_Supplied material_
======

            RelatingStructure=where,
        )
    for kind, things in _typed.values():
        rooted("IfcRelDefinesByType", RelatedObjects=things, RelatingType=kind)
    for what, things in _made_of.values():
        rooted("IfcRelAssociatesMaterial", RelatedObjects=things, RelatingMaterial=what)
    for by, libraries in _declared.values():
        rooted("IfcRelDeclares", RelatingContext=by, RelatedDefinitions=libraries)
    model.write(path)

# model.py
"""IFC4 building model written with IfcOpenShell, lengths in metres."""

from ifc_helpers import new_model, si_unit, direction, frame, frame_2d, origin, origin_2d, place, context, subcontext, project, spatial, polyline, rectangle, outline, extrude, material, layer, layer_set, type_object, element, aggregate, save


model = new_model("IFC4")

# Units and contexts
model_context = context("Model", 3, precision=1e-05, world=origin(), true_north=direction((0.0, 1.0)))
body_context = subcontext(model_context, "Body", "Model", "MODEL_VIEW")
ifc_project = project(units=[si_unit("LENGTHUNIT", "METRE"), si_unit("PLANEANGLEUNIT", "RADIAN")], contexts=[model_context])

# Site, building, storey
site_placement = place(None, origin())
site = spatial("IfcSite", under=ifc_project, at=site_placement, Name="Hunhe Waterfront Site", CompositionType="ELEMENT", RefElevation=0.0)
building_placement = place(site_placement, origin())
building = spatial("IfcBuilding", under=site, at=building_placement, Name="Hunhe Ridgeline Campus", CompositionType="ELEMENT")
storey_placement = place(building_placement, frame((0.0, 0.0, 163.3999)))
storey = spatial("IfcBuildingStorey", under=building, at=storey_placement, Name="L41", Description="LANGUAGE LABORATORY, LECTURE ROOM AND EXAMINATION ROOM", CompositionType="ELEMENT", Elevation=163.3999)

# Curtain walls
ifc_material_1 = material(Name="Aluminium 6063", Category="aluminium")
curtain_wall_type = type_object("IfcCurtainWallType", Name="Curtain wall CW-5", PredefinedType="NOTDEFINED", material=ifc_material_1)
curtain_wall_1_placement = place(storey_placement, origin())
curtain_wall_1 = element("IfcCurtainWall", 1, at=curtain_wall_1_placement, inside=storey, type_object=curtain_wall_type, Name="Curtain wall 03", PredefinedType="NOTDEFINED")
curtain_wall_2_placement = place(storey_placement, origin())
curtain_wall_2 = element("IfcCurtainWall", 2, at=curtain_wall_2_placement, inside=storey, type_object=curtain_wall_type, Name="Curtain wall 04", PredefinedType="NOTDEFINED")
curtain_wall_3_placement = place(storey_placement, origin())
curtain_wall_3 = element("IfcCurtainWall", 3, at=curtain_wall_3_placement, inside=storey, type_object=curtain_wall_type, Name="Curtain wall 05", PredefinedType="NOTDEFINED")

======

_What you have to do_
Within the data above, the lines from the one with "for by, libraries" to the one with "world=origin(), true_north=direction((0.0, 1.0)))" must be repeated exactly; no other line belongs in the answer.

_Your solution_
    for by, libraries in _declared.values():
        rooted("IfcRelDeclares", RelatingContext=by, RelatedDefinitions=libraries)
    model.write(path)

# model.py
"""IFC4 building model written with IfcOpenShell, lengths in metres."""

from ifc_helpers import new_model, si_unit, direction, frame, frame_2d, origin, origin_2d, place, context, subcontext, project, spatial, polyline, rectangle, outline, extrude, material, layer, layer_set, type_object, element, aggregate, save


model = new_model("IFC4")

# Units and contexts
model_context = context("Model", 3, precision=1e-05, world=origin(), true_north=direction((0.0, 1.0)))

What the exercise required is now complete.